**TASK TO COMPLETE:**
Look through the material below and copy exactly the lines from the line with "#47=IFCLOCALPLACEMENT(#14,#2);" to the line with "#57=IFCINDEXEDPOLYGONALFACE((13,15,16,14));", those two lines included.

[Opening ENTRIES SUPPLIED section]

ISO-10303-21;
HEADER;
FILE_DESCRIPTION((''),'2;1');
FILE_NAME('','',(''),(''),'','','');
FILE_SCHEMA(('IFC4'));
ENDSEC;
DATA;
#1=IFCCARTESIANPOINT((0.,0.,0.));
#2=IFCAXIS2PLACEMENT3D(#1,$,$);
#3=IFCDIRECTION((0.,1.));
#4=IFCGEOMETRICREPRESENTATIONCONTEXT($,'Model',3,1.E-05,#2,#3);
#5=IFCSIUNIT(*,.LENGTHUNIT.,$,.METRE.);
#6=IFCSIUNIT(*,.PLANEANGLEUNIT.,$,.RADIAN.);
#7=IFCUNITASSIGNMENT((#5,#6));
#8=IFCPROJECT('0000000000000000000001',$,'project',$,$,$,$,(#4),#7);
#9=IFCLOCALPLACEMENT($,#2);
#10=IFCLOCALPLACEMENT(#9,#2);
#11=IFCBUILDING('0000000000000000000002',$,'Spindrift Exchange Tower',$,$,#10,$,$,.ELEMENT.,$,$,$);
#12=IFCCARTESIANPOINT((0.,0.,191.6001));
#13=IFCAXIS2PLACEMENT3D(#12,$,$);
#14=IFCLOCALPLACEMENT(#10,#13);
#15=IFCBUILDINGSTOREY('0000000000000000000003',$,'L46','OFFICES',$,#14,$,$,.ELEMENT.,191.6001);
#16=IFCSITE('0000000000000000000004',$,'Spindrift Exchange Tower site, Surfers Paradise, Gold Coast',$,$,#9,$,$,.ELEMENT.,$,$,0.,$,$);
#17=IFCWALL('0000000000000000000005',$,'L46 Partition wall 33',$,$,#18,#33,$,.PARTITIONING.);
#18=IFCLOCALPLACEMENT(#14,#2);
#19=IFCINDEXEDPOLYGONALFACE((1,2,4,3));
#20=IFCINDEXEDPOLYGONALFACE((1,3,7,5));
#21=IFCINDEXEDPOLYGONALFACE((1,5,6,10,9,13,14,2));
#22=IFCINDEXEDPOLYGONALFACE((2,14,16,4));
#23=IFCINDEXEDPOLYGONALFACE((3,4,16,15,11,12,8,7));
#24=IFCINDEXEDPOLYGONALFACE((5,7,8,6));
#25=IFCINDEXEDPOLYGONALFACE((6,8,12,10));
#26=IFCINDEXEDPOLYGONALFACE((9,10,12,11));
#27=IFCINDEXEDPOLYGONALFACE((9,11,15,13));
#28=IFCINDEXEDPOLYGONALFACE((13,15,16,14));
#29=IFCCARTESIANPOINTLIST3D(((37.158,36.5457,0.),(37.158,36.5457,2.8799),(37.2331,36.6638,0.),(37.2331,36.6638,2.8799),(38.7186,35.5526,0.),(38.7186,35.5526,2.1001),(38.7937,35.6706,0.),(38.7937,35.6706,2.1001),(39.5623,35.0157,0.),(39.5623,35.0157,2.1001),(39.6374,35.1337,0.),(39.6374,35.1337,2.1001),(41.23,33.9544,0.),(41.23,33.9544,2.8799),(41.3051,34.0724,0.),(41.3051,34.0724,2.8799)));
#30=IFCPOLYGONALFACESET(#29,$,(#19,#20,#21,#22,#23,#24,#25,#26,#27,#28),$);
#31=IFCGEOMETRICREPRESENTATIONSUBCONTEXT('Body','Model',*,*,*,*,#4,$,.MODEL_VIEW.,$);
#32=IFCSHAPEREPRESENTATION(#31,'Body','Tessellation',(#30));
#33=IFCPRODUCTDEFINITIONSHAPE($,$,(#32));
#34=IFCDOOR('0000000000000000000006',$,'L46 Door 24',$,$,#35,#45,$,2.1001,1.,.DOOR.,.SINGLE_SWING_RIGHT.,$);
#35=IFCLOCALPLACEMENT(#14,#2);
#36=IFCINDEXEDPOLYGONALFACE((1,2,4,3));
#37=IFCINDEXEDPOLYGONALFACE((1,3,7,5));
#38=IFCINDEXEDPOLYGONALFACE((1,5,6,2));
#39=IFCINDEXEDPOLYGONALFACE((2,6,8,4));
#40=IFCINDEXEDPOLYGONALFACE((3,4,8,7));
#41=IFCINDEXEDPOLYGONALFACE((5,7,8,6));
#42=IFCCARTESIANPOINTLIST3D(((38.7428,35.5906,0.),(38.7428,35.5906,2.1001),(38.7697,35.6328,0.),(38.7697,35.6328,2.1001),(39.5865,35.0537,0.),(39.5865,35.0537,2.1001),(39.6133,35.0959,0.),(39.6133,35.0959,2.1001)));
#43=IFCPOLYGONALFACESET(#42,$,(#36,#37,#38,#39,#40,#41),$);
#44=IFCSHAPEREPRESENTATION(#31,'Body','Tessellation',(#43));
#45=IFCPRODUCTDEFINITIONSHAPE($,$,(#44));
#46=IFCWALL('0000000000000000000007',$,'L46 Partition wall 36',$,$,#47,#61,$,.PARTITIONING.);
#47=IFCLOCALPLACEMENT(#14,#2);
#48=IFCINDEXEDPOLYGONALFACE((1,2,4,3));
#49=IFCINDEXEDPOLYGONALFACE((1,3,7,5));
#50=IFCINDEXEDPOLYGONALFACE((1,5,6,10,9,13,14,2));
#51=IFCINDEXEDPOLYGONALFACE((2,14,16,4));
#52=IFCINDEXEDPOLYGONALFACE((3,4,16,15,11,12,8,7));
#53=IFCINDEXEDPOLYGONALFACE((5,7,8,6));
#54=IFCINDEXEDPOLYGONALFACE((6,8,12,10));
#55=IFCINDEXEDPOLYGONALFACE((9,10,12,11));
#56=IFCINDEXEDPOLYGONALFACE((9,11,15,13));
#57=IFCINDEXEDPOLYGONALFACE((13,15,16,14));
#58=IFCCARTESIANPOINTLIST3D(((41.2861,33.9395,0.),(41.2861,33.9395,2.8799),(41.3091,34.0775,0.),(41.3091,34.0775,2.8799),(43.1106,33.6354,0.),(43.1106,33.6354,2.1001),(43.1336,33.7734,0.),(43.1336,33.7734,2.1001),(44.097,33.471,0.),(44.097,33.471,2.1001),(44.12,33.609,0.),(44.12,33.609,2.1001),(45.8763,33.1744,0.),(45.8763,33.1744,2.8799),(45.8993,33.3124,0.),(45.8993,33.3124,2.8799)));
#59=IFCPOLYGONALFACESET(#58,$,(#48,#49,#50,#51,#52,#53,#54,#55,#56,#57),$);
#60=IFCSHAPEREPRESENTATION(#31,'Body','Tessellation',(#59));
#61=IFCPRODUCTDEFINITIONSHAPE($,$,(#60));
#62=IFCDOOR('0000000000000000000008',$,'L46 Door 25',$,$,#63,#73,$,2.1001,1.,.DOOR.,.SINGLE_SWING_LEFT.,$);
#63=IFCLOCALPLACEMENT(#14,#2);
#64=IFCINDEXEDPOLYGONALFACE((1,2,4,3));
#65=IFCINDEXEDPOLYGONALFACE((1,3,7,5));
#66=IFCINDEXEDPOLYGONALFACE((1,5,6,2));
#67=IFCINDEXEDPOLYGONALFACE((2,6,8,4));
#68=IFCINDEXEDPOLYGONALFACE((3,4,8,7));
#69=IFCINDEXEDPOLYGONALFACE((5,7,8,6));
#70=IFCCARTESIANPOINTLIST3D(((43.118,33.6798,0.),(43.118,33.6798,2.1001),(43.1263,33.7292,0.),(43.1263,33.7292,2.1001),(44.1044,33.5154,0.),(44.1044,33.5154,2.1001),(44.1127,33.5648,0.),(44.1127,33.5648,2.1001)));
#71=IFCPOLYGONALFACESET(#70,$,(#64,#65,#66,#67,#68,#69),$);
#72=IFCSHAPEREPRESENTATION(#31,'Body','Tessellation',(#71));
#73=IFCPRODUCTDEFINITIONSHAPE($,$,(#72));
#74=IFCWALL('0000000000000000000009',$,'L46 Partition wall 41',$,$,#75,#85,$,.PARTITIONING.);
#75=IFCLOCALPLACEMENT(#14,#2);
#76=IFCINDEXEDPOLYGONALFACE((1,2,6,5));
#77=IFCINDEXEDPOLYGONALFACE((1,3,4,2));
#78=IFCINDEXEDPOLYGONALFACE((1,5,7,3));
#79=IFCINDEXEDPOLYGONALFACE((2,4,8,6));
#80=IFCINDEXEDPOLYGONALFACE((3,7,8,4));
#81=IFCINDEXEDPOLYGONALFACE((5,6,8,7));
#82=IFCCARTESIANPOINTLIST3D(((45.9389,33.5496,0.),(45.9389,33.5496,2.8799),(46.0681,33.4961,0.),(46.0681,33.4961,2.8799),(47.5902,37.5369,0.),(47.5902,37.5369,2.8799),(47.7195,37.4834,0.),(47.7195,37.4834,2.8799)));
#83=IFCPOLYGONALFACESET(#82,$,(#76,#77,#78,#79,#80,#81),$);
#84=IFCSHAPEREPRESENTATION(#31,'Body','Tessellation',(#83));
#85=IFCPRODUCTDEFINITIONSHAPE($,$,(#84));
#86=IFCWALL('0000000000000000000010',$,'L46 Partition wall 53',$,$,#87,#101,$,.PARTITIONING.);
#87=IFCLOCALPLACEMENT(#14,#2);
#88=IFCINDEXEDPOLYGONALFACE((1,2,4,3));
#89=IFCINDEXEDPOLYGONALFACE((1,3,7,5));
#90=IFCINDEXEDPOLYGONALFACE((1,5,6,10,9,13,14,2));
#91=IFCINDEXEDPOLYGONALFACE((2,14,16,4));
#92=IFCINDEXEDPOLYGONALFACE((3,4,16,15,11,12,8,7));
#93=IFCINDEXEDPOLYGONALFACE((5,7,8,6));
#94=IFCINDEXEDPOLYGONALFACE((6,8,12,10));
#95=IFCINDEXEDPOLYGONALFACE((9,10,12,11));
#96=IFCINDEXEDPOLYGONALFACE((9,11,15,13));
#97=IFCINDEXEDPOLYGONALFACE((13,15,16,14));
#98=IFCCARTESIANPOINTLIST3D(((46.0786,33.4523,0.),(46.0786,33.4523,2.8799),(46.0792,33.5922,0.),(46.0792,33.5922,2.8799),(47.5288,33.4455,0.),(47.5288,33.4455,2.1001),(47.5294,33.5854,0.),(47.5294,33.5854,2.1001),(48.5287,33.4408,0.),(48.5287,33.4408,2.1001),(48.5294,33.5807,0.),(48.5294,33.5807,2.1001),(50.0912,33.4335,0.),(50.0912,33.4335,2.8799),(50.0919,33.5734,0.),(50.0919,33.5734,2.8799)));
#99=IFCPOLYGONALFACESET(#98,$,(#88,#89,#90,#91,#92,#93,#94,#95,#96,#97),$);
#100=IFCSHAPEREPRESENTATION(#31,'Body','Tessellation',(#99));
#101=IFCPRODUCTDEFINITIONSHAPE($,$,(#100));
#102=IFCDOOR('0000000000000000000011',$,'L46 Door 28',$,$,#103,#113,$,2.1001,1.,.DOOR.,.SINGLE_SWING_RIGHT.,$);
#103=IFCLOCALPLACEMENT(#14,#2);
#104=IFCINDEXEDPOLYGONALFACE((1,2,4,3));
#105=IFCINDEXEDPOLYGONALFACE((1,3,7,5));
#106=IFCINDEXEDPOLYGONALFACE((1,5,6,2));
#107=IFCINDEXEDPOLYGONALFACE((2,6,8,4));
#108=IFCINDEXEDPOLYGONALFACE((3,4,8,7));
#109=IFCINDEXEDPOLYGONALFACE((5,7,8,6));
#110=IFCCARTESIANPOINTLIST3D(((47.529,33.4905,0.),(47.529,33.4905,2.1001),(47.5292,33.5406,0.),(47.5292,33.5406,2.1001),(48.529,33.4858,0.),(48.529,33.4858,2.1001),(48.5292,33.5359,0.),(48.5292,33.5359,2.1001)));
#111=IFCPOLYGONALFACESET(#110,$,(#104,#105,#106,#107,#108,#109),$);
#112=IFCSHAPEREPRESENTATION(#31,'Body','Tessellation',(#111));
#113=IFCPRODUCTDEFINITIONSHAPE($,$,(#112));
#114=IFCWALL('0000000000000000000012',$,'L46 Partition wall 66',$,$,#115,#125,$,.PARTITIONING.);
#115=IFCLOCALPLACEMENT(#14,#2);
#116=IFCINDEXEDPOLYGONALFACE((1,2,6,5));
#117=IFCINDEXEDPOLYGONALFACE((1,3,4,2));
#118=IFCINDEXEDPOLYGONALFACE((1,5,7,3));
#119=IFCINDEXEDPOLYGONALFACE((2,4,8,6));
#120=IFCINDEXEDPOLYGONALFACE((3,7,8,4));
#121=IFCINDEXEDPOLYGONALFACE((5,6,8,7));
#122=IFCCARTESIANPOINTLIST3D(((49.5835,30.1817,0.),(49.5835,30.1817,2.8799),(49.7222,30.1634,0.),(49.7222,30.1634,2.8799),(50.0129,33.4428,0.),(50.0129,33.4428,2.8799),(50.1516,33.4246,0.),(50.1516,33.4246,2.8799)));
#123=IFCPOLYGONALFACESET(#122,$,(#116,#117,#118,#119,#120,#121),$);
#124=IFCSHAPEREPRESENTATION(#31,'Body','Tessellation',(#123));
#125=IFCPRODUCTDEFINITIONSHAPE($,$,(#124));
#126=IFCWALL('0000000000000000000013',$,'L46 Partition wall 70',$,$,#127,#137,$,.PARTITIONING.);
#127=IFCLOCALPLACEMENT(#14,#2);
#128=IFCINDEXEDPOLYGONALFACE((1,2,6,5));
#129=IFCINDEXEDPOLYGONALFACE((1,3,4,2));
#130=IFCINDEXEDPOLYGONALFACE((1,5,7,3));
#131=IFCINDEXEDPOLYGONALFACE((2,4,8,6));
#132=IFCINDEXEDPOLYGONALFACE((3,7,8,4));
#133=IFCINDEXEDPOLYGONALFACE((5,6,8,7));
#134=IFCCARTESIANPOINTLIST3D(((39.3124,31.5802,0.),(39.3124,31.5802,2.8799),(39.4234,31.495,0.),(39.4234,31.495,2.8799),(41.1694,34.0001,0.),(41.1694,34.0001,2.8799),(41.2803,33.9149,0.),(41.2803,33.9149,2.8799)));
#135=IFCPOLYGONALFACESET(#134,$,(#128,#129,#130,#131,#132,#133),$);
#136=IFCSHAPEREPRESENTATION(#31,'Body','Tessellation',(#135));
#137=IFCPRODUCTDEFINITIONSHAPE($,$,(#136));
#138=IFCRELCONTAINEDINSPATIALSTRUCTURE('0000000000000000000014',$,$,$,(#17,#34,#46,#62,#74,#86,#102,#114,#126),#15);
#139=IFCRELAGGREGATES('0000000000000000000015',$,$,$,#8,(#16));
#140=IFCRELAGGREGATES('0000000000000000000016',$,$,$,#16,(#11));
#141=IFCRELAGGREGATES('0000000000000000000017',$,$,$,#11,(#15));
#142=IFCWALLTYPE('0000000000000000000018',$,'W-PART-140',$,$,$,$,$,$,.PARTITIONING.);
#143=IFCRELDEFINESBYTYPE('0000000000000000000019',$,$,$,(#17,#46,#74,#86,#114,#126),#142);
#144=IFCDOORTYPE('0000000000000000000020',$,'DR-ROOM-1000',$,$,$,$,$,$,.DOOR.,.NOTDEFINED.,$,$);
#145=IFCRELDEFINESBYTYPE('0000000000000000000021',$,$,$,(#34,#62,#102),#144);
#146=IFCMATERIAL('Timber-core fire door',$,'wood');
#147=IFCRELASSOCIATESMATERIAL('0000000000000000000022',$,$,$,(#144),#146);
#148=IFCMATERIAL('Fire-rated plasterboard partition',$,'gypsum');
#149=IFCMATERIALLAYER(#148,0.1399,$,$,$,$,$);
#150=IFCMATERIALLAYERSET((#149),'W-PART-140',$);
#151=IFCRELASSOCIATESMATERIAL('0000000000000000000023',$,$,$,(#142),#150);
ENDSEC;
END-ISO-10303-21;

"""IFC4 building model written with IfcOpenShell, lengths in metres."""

from ifc_helpers import new_model, si_unit, direction, frame, frame_2d, origin, place, context, subcontext, project, spatial, rectangle, extrude, source, transform, mapped, material, layer, layer_set, type_object, element, fill, save


model = new_model("IFC4")

# Units and contexts
model_context = context("Model", 3, precision=1e-05, world=origin(), true_north=direction((0.0, 1.0)))
body_context = subcontext(model_context, "Body", "Model", "MODEL_VIEW")
ifc_project = project(units=[si_unit("LENGTHUNIT", "METRE"), si_unit("PLANEANGLEUNIT", "RADIAN")], contexts=[model_context])

# Site, building, storey
site_placement = place(None, origin())
site = spatial("IfcSite", under=ifc_project, at=site_placement, Name="Spindrift Exchange Tower site, Surfers Paradise, Gold Coast", CompositionType="ELEMENT", RefElevation=0.0)
building_placement = place(site_placement, origin())
building = spatial("IfcBuilding", under=site, at=building_placement, Name="Spindrift Exchange Tower", CompositionType="ELEMENT")
storey_placement = place(building_placement, frame((0.0, 0.0, 191.6001)))
storey = spatial("IfcBuildingStorey", under=building, at=storey_placement, Name="L46", Description="OFFICES", CompositionType="ELEMENT", Elevation=191.6001)

# Shared definitions
ifc_material_1 = material(Name="Timber-core fire door", Category="wood")
ifc_material_2 = material(Name="Fire-rated plasterboard partition", Category="gypsum")
door_type_1 = type_object("IfcDoorType", Name="DR-ROOM-1000", OperationType="NOTDEFINED", PredefinedType="DOOR", material=ifc_material_1)
shared_shape_1 = source(origin(), body_context, "Body", "SweptSolid", [
    extrude(rectangle(XDim=1.0, YDim=2.1001, at=frame_2d((0.5, 1.05))), frame((0.0, 0.0249, 0.0), z_axis=(0.0, -1.0, 0.0), x_axis=(1.0, 0.0, 0.0)), (0.0, 0.0, 1.0), 0.05),
])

[Closing ENTRIES SUPPLIED section]

**EXERCISE ANSWER:**
#47=IFCLOCALPLACEMENT(#14,#2);
#48=IFCINDEXEDPOLYGONALFACE((1,2,4,3));
#49=IFCINDEXEDPOLYGONALFACE((1,3,7,5));
#50=IFCINDEXEDPOLYGONALFACE((1,5,6,10,9,13,14,2));
#51=IFCINDEXEDPOLYGONALFACE((2,14,16,4));
#52=IFCINDEXEDPOLYGONALFACE((3,4,16,15,11,12,8,7));
#53=IFCINDEXEDPOLYGONALFACE((5,7,8,6));
#54=IFCINDEXEDPOLYGONALFACE((6,8,12,10));
#55=IFCINDEXEDPOLYGONALFACE((9,10,12,11));
#56=IFCINDEXEDPOLYGONALFACE((9,11,15,13));
#57=IFCINDEXEDPOLYGONALFACE((13,15,16,14));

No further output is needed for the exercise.